→ Available data

----

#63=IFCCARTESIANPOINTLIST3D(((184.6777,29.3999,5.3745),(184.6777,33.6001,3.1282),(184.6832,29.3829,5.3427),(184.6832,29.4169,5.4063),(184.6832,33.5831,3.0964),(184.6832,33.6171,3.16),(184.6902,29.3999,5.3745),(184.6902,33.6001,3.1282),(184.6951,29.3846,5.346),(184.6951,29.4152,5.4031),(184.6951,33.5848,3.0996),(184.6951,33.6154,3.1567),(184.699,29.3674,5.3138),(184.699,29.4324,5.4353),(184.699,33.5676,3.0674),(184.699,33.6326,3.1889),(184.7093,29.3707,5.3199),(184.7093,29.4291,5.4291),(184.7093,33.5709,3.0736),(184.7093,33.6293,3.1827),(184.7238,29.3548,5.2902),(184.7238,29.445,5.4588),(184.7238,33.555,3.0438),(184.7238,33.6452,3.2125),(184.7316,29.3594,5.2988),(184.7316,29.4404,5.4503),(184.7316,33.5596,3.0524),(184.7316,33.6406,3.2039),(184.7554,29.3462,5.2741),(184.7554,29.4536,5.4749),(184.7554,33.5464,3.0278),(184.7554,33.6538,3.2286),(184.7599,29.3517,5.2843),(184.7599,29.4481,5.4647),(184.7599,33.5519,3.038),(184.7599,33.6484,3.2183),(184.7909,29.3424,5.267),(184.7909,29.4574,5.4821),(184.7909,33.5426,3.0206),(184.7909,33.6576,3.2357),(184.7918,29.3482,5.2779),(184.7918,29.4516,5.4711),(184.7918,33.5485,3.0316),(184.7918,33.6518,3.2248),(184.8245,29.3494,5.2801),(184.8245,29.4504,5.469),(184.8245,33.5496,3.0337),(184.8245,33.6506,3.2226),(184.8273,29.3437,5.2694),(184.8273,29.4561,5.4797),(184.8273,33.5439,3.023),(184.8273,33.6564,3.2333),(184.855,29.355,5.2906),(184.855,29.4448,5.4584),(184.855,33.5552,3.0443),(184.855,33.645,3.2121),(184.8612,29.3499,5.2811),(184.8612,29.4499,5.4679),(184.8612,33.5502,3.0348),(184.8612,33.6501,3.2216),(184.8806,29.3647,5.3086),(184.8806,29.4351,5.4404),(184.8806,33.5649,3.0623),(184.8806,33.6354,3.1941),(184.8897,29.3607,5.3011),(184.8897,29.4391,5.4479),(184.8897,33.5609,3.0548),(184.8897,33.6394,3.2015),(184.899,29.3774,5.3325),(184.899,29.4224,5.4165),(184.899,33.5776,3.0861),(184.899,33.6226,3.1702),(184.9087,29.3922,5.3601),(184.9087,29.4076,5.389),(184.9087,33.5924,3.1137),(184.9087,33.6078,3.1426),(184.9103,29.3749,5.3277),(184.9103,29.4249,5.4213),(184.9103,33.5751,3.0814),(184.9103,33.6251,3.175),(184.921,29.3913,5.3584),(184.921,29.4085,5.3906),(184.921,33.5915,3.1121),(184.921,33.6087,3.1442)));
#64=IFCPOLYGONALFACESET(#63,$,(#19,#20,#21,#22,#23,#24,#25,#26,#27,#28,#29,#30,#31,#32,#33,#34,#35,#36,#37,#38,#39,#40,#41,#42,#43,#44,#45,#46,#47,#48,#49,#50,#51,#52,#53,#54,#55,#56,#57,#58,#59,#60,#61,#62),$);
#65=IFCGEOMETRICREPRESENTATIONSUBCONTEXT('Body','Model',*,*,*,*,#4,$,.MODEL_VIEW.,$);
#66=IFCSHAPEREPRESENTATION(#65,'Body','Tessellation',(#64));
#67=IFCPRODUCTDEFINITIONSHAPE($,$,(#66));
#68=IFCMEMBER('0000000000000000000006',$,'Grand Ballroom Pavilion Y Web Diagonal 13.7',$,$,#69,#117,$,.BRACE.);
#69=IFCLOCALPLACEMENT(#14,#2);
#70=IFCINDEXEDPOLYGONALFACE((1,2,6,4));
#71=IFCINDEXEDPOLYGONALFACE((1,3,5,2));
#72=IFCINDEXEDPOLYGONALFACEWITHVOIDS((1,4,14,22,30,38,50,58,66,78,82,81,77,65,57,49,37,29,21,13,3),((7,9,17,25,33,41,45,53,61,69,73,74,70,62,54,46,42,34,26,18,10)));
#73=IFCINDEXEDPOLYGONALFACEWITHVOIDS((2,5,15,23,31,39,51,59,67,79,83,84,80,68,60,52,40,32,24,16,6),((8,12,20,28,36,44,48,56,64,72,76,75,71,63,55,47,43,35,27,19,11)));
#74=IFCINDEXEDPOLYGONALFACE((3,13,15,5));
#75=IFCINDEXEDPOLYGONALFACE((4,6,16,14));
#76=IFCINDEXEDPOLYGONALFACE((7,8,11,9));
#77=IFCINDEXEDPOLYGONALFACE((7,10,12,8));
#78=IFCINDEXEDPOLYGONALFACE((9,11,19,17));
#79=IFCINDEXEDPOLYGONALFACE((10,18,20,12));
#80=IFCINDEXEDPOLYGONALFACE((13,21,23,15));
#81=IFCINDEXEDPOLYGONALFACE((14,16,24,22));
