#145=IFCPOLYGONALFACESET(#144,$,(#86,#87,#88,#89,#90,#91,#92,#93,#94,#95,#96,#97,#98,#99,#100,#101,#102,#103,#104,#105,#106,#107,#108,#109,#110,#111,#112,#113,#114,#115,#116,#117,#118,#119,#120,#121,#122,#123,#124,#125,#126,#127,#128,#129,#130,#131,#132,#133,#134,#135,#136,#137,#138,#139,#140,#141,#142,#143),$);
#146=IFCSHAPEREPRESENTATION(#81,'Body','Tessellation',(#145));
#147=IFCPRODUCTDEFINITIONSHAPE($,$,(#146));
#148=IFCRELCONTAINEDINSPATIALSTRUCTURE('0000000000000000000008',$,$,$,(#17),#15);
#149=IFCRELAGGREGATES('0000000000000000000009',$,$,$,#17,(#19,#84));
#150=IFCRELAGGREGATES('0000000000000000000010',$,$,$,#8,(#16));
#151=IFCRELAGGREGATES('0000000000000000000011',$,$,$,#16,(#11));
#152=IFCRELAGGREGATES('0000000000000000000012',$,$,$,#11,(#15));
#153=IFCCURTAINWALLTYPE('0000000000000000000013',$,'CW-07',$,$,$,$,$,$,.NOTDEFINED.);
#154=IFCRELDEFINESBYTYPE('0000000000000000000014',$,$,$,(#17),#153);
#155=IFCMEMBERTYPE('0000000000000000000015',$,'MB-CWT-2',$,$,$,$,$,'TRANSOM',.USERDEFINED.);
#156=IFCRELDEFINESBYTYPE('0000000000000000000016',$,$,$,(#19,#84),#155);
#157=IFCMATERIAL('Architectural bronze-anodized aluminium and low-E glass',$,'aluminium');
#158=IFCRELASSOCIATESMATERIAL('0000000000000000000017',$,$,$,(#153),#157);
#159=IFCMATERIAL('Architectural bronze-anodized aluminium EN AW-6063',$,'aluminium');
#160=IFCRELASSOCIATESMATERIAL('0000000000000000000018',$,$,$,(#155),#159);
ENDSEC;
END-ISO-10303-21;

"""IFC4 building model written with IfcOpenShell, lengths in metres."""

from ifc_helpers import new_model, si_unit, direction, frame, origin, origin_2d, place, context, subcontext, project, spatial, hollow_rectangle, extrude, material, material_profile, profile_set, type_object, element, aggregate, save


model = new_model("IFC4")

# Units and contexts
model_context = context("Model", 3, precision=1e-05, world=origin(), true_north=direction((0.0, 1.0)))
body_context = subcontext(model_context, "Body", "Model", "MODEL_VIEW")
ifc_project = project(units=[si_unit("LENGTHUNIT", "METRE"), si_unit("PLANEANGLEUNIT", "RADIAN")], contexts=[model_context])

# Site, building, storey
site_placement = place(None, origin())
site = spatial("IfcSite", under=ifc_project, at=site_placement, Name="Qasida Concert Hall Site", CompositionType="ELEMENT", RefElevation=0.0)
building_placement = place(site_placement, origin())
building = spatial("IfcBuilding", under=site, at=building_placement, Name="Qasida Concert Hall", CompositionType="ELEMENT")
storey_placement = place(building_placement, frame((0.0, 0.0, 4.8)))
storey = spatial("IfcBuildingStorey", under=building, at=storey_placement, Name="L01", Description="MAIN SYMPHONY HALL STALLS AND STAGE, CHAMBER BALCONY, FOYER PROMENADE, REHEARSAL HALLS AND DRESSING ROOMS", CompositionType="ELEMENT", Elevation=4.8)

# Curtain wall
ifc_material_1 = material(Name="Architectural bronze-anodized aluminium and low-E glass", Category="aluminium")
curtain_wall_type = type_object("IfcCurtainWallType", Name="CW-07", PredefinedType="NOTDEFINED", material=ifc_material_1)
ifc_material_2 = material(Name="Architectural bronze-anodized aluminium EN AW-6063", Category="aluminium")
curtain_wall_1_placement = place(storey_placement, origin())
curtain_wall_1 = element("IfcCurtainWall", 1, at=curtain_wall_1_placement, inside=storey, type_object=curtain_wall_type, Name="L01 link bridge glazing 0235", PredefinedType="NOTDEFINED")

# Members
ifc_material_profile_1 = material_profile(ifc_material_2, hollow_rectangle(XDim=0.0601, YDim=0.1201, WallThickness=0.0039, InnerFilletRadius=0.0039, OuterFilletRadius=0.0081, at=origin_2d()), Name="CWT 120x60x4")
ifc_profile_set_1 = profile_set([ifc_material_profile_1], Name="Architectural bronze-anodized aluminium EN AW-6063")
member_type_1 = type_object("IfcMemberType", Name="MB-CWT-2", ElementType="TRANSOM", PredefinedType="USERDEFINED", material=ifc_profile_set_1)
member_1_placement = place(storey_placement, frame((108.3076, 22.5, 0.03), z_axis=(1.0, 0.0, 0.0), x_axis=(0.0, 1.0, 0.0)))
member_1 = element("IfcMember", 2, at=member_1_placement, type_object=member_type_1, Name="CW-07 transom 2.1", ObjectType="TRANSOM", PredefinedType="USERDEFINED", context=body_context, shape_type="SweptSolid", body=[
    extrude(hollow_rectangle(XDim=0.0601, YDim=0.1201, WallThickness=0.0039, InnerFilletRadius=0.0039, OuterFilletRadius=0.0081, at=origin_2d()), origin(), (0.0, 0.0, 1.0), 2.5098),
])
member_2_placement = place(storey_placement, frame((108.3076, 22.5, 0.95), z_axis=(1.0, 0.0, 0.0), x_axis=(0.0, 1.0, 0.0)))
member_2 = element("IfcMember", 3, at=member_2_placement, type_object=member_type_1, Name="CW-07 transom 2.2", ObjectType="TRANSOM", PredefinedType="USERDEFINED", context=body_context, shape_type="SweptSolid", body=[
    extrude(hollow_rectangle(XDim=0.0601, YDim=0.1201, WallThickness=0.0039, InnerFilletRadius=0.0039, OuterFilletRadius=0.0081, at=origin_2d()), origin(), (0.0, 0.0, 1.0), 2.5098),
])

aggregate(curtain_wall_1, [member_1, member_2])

----

→ Task prompt
Show all lines above that contain "Tessellation".

→ Output of the task
#66=IFCSHAPEREPRESENTATION(#65,'Body','Tessellation',(#64));
#146=IFCSHAPEREPRESENTATION(#81,'Body','Tessellation',(#145));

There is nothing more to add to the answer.